§ **Input data**:
>>>

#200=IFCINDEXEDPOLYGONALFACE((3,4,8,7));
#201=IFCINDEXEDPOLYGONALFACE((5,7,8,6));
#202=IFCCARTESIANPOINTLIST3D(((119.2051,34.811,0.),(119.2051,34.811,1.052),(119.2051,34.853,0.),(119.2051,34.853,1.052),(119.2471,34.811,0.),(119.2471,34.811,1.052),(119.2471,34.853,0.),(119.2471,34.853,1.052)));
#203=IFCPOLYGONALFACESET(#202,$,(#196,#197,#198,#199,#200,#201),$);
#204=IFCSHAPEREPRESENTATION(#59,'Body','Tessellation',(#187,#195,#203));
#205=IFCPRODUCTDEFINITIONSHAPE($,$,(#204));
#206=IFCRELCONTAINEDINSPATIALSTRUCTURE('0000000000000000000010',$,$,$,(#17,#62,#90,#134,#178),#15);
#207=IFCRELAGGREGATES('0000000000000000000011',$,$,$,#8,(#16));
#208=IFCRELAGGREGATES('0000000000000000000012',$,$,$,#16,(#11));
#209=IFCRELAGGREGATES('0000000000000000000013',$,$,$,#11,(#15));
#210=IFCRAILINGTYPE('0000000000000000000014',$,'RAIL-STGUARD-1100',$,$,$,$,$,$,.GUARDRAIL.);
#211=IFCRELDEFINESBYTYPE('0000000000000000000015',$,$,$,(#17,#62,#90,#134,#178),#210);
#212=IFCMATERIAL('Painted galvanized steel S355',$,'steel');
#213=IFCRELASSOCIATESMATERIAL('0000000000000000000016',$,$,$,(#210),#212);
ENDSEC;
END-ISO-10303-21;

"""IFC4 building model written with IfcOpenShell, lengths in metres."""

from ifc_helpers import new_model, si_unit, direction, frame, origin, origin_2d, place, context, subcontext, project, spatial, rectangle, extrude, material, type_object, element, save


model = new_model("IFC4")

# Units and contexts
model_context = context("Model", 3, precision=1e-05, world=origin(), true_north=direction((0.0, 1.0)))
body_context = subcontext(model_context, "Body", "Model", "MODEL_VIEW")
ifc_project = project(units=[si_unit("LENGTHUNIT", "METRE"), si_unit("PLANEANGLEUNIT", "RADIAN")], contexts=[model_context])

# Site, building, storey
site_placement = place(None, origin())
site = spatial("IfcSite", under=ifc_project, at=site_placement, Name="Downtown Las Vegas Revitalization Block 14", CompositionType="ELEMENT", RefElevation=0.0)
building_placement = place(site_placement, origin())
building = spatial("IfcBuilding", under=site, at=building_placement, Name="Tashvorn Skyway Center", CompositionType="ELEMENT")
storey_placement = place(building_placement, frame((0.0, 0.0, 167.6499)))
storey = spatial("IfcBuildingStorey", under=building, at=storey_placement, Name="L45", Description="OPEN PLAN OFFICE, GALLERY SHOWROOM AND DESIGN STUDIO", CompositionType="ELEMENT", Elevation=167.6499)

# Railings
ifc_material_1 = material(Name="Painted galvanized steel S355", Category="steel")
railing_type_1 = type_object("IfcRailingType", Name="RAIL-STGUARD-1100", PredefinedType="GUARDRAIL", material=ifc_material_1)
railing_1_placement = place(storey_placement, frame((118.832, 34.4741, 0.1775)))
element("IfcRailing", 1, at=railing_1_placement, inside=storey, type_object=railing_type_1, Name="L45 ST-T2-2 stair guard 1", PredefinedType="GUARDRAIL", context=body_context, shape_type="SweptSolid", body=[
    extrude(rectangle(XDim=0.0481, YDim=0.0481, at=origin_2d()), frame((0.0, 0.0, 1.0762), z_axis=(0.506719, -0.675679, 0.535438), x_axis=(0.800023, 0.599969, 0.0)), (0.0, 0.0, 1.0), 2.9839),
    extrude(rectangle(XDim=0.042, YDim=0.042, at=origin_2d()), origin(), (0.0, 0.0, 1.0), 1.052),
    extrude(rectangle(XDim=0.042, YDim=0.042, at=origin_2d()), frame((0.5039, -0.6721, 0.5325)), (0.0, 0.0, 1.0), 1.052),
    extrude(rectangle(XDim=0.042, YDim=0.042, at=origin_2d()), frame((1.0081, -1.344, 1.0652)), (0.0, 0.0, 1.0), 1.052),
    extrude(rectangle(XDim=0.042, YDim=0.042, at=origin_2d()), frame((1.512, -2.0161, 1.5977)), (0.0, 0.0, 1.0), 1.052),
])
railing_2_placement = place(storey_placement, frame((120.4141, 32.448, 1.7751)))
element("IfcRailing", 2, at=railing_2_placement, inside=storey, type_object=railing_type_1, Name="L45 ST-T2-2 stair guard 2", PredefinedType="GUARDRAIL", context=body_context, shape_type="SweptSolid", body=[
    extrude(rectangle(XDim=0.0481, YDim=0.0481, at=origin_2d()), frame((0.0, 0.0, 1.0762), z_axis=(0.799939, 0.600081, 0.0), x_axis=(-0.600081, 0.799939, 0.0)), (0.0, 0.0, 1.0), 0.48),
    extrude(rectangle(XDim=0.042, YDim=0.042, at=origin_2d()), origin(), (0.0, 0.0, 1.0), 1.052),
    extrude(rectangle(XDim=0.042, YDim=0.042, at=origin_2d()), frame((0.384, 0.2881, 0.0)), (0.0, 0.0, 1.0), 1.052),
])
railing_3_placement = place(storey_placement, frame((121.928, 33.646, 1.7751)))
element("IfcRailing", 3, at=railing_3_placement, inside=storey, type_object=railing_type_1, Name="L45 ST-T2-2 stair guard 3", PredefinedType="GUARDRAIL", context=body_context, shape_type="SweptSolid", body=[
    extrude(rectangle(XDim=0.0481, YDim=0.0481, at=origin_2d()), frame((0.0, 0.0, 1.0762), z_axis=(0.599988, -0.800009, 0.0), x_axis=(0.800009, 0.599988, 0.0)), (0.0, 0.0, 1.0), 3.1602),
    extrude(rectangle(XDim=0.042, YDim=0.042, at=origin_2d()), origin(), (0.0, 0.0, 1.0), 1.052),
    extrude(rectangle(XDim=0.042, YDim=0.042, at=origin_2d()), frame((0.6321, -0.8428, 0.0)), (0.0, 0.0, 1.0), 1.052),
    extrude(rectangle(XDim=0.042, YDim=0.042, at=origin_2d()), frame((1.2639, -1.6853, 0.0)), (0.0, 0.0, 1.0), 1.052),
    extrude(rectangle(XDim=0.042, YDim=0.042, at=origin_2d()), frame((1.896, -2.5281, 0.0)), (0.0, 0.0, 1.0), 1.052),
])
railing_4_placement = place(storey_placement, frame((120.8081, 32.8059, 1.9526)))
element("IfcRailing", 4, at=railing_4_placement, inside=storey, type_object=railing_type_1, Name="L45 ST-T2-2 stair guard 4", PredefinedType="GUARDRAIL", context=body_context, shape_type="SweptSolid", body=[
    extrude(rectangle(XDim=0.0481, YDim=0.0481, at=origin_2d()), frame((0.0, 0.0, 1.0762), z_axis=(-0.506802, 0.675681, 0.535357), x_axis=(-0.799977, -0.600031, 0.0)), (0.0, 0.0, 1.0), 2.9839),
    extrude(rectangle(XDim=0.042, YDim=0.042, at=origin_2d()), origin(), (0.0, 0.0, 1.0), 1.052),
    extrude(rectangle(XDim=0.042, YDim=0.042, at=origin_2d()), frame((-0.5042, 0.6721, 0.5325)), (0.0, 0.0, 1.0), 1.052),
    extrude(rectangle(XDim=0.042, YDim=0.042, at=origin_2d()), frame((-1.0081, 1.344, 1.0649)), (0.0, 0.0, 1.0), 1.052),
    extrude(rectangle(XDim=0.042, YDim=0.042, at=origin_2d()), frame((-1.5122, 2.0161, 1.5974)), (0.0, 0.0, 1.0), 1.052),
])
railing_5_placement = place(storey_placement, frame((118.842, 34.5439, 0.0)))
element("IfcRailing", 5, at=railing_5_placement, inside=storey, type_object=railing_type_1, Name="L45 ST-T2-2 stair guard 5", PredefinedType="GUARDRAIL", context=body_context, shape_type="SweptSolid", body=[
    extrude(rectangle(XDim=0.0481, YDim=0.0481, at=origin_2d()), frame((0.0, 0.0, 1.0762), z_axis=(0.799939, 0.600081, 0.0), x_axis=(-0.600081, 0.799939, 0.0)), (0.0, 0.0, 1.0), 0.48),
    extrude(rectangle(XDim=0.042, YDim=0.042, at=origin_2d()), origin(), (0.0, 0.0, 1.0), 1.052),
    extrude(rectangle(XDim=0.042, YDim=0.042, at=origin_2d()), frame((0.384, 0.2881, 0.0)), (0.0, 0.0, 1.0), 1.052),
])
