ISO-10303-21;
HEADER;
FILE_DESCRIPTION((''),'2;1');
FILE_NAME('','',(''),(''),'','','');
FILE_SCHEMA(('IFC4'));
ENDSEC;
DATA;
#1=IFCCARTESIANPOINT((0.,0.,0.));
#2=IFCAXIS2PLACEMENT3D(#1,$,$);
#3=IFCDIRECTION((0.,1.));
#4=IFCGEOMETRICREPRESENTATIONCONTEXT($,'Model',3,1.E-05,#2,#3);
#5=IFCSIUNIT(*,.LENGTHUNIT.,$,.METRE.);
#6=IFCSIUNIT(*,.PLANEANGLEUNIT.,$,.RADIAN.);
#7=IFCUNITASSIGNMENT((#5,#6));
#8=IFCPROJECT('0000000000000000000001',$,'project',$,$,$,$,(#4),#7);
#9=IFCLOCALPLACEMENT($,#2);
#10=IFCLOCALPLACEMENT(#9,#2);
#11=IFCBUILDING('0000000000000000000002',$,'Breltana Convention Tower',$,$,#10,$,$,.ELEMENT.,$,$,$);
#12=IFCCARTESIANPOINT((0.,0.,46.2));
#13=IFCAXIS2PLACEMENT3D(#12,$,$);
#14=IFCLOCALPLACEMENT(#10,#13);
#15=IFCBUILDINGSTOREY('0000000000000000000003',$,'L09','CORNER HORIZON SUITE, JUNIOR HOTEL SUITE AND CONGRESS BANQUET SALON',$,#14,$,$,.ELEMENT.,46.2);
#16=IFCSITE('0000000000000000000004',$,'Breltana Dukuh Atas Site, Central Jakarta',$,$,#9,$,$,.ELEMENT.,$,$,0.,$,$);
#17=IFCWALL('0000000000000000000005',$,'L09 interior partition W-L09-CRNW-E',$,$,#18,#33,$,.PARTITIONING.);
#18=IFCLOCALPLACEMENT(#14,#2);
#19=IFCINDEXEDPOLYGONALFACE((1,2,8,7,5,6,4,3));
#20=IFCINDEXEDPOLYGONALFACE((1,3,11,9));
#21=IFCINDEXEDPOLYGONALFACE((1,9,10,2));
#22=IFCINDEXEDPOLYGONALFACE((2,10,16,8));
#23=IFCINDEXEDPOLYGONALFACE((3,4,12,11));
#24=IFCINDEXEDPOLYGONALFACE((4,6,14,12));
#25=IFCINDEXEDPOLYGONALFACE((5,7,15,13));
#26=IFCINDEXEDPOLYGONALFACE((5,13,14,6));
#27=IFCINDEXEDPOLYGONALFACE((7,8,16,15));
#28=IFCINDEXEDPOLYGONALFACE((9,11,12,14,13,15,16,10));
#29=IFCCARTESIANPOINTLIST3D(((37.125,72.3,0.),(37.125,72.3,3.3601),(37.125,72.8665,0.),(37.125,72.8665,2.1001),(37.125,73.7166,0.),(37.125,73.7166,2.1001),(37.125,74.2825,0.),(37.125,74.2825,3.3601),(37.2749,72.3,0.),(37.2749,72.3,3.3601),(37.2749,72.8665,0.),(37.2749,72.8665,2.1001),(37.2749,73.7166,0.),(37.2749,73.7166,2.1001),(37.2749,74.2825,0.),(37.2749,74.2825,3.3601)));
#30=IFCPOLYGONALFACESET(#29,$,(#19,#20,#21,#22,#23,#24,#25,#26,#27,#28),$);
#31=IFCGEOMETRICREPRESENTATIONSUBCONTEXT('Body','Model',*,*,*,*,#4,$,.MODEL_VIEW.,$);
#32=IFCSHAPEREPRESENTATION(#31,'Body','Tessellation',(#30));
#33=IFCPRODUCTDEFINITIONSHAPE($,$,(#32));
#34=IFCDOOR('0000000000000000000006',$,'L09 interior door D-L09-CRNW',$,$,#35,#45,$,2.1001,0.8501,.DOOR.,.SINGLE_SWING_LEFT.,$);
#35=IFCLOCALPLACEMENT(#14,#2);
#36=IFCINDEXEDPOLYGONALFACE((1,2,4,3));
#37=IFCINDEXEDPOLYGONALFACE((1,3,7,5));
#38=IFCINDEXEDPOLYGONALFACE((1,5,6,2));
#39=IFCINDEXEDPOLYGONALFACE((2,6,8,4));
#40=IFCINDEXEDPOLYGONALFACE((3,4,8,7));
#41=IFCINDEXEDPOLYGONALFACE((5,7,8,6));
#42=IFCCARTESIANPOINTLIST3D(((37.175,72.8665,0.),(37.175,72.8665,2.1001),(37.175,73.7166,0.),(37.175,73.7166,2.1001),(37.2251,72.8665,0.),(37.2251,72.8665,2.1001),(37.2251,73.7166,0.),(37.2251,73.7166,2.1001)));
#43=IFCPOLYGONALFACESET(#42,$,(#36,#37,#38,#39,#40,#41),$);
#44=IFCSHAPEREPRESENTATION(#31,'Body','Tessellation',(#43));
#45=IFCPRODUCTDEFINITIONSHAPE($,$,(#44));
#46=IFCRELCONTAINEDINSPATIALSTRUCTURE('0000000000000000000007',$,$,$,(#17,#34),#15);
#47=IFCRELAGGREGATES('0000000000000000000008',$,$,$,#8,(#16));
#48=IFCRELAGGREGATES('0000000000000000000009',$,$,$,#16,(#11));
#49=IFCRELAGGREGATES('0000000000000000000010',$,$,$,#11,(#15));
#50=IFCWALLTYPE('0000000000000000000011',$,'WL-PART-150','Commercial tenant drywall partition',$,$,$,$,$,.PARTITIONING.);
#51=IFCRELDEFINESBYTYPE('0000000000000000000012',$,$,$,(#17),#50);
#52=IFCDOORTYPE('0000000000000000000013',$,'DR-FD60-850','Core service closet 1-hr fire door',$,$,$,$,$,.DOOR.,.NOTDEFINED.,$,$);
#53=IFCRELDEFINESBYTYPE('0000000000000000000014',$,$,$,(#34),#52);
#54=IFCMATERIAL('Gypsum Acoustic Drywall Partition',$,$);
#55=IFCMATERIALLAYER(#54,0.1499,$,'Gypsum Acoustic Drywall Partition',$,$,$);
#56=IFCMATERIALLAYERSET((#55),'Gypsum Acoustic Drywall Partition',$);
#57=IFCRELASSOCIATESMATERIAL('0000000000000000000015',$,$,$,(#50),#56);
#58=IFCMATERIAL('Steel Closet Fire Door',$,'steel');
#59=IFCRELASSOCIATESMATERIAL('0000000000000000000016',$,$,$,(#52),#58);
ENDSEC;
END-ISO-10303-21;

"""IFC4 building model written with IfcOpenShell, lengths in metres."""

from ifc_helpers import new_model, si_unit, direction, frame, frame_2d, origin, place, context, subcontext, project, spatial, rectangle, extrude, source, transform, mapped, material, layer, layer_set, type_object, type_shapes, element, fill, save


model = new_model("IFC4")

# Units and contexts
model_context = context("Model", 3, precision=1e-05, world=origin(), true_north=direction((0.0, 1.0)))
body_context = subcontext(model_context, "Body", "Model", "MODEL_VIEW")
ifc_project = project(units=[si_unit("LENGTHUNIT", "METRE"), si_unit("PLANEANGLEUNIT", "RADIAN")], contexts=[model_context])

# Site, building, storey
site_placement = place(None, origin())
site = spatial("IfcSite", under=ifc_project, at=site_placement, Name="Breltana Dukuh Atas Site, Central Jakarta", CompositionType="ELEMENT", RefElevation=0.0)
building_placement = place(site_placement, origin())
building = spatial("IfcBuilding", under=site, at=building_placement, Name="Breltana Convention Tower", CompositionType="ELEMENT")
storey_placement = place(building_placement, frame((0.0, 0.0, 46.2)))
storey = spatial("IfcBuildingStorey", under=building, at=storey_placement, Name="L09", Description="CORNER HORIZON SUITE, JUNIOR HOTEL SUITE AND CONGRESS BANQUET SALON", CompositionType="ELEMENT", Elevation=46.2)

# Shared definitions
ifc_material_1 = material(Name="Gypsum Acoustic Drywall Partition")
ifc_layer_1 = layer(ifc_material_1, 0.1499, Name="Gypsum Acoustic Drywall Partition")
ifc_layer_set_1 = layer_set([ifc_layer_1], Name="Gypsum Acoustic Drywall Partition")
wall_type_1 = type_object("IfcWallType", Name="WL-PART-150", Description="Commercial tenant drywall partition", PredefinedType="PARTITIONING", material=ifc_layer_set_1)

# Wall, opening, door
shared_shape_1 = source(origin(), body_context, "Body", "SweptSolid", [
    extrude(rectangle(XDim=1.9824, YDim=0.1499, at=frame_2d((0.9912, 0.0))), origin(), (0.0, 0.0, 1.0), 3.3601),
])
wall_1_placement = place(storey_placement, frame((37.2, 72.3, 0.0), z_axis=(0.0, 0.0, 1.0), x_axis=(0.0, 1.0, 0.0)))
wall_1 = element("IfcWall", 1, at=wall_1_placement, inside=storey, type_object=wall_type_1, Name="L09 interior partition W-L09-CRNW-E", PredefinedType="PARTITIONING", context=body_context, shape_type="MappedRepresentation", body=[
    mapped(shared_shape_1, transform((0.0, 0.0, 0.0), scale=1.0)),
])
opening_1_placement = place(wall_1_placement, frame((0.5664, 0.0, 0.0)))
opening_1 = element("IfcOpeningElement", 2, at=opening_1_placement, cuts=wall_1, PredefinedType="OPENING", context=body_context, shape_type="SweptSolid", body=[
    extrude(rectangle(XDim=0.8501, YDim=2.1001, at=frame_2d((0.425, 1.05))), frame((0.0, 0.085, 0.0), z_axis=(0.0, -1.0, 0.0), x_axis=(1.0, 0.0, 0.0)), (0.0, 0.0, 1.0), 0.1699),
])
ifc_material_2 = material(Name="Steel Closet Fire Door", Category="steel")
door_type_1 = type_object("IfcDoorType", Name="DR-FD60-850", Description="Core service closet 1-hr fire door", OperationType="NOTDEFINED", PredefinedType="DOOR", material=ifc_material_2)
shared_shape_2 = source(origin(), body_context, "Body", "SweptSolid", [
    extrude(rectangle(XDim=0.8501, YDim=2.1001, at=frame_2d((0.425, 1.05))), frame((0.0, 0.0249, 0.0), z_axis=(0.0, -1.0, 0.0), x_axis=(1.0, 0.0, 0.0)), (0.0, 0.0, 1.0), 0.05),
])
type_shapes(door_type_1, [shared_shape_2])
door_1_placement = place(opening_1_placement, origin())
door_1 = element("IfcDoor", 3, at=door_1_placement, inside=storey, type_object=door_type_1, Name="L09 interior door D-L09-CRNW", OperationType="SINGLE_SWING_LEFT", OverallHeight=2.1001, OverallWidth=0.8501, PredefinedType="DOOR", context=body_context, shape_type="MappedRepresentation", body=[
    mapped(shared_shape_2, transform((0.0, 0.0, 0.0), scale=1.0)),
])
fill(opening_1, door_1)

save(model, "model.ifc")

<<<

§ **What to do**: Your answer should be the lines of the records that include the word "IFCRELCONTAINEDINSPATIALSTRUCTURE".

§ **Solved exercise**:
#206=IFCRELCONTAINEDINSPATIALSTRUCTURE('0000000000000000000010',$,$,$,(#17,#62,#90,#134,#178),#15);
#46=IFCRELCONTAINEDINSPATIALSTRUCTURE('0000000000000000000007',$,$,$,(#17,#34),#15);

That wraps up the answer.